Work to be completed
In the lines below, look for "IFCBEAMTYPE". Copy each line where it appears.

Supplied records

************

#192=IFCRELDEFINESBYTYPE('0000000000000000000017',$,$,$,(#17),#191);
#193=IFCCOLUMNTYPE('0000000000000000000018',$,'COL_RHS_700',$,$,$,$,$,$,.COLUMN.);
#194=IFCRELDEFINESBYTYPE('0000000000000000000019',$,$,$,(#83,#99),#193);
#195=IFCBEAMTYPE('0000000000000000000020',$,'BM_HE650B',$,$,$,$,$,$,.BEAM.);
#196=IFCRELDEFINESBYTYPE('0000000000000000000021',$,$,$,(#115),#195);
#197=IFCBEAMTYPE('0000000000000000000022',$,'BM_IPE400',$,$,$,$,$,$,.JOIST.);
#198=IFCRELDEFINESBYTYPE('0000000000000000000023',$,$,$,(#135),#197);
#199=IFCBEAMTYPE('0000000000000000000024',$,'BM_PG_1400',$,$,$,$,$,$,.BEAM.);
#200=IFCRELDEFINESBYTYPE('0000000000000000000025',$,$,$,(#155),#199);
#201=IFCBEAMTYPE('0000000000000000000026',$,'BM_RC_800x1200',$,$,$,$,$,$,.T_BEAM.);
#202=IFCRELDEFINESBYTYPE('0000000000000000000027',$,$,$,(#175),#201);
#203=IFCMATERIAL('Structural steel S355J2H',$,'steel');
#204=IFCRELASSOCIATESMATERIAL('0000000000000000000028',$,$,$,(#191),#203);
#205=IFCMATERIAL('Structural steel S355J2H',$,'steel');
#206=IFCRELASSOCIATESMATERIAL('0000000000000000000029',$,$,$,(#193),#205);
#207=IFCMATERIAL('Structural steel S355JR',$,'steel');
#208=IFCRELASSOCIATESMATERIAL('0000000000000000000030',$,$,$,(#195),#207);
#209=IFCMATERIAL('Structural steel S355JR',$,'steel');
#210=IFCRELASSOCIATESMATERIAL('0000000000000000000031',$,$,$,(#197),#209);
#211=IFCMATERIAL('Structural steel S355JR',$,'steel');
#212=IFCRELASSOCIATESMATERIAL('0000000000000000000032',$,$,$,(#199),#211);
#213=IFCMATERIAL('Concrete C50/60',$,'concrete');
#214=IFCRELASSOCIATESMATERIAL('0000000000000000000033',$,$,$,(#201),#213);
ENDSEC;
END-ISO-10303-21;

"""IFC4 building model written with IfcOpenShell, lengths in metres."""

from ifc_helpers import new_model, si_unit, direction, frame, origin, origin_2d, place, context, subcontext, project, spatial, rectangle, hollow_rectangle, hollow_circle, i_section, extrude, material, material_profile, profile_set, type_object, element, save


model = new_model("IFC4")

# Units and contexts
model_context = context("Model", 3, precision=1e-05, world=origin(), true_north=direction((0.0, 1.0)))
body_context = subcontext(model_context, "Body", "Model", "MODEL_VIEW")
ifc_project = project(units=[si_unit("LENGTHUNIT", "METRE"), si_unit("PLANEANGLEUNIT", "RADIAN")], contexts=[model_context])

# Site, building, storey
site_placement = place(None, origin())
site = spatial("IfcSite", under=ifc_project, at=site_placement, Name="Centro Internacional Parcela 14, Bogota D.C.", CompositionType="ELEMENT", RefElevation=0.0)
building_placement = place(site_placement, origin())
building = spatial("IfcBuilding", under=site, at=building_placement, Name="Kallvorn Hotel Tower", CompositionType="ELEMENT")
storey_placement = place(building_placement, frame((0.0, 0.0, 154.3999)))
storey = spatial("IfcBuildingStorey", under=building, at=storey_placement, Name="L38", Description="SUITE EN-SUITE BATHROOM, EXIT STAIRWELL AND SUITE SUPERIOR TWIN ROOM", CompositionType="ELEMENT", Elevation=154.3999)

************

Answer box
#195=IFCBEAMTYPE('0000000000000000000020',$,'BM_HE650B',$,$,$,$,$,$,.BEAM.);
#197=IFCBEAMTYPE('0000000000000000000022',$,'BM_IPE400',$,$,$,$,$,$,.JOIST.);
#199=IFCBEAMTYPE('0000000000000000000024',$,'BM_PG_1400',$,$,$,$,$,$,.BEAM.);
#201=IFCBEAMTYPE('0000000000000000000026',$,'BM_RC_800x1200',$,$,$,$,$,$,.T_BEAM.);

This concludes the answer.